#### SUPPLIED RECORDS:
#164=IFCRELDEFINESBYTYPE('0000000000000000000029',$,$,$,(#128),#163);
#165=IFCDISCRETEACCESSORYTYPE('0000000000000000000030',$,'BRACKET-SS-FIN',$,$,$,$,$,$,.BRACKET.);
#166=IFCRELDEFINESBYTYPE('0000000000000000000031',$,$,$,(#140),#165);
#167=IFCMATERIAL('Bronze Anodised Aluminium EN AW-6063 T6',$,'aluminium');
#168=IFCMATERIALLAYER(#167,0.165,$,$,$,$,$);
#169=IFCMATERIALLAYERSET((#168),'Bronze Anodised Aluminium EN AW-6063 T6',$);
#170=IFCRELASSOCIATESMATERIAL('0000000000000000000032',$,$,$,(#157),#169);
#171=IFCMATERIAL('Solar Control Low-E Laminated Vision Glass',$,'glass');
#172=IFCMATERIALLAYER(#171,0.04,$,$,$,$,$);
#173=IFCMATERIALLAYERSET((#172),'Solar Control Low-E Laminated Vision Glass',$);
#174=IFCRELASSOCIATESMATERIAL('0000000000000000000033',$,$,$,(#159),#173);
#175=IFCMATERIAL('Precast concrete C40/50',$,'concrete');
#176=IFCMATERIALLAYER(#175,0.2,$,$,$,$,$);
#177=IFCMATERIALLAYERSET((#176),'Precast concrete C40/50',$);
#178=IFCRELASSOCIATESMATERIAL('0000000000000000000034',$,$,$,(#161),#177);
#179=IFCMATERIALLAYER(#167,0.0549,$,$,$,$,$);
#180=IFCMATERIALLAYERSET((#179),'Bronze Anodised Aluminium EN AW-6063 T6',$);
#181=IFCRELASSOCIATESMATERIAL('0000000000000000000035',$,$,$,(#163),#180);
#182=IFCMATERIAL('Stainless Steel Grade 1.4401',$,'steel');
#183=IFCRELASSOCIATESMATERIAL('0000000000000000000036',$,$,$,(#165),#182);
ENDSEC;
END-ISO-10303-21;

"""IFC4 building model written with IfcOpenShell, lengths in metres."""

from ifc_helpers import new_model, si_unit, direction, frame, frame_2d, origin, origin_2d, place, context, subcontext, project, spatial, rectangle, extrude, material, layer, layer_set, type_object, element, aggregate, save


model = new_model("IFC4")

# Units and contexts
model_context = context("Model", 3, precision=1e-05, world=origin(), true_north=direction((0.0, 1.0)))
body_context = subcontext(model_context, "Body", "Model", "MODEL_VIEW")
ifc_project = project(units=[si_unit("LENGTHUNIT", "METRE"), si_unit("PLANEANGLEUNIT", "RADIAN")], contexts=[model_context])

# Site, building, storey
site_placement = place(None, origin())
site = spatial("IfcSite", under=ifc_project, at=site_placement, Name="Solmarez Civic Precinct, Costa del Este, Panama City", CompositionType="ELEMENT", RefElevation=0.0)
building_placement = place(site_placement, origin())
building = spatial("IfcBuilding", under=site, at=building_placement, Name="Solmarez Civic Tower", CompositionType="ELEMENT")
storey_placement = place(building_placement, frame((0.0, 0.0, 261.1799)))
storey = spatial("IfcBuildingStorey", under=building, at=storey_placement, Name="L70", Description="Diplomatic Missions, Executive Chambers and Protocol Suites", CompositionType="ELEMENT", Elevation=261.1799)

#### DESCRIPTION OF THE TASK:
Could the entries above be output once more, exactly as they are?

#### REPLY:
#164=IFCRELDEFINESBYTYPE('0000000000000000000029',$,$,$,(#128),#163);
#165=IFCDISCRETEACCESSORYTYPE('0000000000000000000030',$,'BRACKET-SS-FIN',$,$,$,$,$,$,.BRACKET.);
#166=IFCRELDEFINESBYTYPE('0000000000000000000031',$,$,$,(#140),#165);
#167=IFCMATERIAL('Bronze Anodised Aluminium EN AW-6063 T6',$,'aluminium');
#168=IFCMATERIALLAYER(#167,0.165,$,$,$,$,$);
#169=IFCMATERIALLAYERSET((#168),'Bronze Anodised Aluminium EN AW-6063 T6',$);
#170=IFCRELASSOCIATESMATERIAL('0000000000000000000032',$,$,$,(#157),#169);
#171=IFCMATERIAL('Solar Control Low-E Laminated Vision Glass',$,'glass');
#172=IFCMATERIALLAYER(#171,0.04,$,$,$,$,$);
#173=IFCMATERIALLAYERSET((#172),'Solar Control Low-E Laminated Vision Glass',$);
#174=IFCRELASSOCIATESMATERIAL('0000000000000000000033',$,$,$,(#159),#173);
#175=IFCMATERIAL('Precast concrete C40/50',$,'concrete');
#176=IFCMATERIALLAYER(#175,0.2,$,$,$,$,$);
#177=IFCMATERIALLAYERSET((#176),'Precast concrete C40/50',$);
#178=IFCRELASSOCIATESMATERIAL('0000000000000000000034',$,$,$,(#161),#177);
#179=IFCMATERIALLAYER(#167,0.0549,$,$,$,$,$);
#180=IFCMATERIALLAYERSET((#179),'Bronze Anodised Aluminium EN AW-6063 T6',$);
#181=IFCRELASSOCIATESMATERIAL('0000000000000000000035',$,$,$,(#163),#180);
#182=IFCMATERIAL('Stainless Steel Grade 1.4401',$,'steel');
#183=IFCRELASSOCIATESMATERIAL('0000000000000000000036',$,$,$,(#165),#182);
ENDSEC;
END-ISO-10303-21;

"""IFC4 building model written with IfcOpenShell, lengths in metres."""

from ifc_helpers import new_model, si_unit, direction, frame, frame_2d, origin, origin_2d, place, context, subcontext, project, spatial, rectangle, extrude, material, layer, layer_set, type_object, element, aggregate, save


model = new_model("IFC4")

# Units and contexts
model_context = context("Model", 3, precision=1e-05, world=origin(), true_north=direction((0.0, 1.0)))
body_context = subcontext(model_context, "Body", "Model", "MODEL_VIEW")
ifc_project = project(units=[si_unit("LENGTHUNIT", "METRE"), si_unit("PLANEANGLEUNIT", "RADIAN")], contexts=[model_context])

# Site, building, storey
site_placement = place(None, origin())
site = spatial("IfcSite", under=ifc_project, at=site_placement, Name="Solmarez Civic Precinct, Costa del Este, Panama City", CompositionType="ELEMENT", RefElevation=0.0)
building_placement = place(site_placement, origin())
building = spatial("IfcBuilding", under=site, at=building_placement, Name="Solmarez Civic Tower", CompositionType="ELEMENT")
storey_placement = place(building_placement, frame((0.0, 0.0, 261.1799)))
storey = spatial("IfcBuildingStorey", under=building, at=storey_placement, Name="L70", Description="Diplomatic Missions, Executive Chambers and Protocol Suites", CompositionType="ELEMENT", Elevation=261.1799)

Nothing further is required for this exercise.